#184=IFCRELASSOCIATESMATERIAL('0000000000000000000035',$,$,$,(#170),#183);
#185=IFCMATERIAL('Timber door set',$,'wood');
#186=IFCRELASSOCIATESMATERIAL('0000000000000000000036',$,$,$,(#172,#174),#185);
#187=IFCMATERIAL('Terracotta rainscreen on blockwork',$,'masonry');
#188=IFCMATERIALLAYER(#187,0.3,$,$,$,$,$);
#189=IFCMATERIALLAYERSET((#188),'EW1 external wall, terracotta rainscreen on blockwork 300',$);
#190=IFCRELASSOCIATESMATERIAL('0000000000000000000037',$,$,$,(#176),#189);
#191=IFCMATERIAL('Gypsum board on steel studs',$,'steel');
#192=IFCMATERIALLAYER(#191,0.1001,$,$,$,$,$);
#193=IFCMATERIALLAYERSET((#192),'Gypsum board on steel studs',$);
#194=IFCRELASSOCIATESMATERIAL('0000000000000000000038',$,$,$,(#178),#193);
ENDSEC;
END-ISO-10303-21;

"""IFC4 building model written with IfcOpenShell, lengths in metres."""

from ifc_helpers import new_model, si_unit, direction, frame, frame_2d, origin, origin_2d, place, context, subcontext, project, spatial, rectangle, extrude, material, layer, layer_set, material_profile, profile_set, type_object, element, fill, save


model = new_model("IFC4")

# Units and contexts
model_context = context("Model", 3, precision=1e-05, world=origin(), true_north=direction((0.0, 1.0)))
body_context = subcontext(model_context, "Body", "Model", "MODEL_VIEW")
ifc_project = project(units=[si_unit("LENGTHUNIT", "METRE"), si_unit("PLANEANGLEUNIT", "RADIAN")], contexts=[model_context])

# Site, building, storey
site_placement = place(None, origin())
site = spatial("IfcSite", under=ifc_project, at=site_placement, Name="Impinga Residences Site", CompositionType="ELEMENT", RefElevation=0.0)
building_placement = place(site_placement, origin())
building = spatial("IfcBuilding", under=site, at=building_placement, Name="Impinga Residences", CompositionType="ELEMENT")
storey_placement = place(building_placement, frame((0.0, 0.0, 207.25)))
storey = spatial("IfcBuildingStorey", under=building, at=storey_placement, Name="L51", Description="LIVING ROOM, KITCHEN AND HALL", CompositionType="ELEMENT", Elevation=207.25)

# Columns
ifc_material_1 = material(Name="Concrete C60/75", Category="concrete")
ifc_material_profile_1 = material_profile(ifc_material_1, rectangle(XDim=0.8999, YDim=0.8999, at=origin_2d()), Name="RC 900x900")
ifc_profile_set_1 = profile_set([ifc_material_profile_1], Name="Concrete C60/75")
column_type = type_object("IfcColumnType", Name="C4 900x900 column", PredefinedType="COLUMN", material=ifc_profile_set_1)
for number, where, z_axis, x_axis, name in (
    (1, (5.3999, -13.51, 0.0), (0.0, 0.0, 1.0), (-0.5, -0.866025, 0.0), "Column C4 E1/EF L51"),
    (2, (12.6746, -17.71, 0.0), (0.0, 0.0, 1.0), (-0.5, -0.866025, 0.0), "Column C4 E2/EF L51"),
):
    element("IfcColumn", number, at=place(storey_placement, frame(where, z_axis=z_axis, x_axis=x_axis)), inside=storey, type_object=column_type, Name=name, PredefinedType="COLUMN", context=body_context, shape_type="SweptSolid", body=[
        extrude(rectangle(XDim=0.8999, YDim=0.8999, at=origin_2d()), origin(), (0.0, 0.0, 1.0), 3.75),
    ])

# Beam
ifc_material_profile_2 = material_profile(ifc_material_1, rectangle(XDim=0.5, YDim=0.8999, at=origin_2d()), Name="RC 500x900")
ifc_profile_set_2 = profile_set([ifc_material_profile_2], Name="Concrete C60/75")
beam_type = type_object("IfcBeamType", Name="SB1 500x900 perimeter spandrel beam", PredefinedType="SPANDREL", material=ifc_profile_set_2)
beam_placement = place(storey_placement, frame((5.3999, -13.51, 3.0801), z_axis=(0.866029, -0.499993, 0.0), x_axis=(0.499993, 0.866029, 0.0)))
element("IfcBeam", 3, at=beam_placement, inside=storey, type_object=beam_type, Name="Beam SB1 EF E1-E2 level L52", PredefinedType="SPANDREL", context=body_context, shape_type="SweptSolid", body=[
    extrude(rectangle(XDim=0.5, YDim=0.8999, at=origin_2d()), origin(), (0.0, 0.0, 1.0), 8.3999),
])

:::

**EXERCISE**
Out of the material above, gather each line where "number" appears.

**THE ANSWER**
for number, where, z_axis, x_axis, name in (
    element("IfcColumn", number, at=place(storey_placement, frame(where, z_axis=z_axis, x_axis=x_axis)), inside=storey, type_object=column_type, Name=name, PredefinedType="COLUMN", context=body_context, shape_type="SweptSolid", body=[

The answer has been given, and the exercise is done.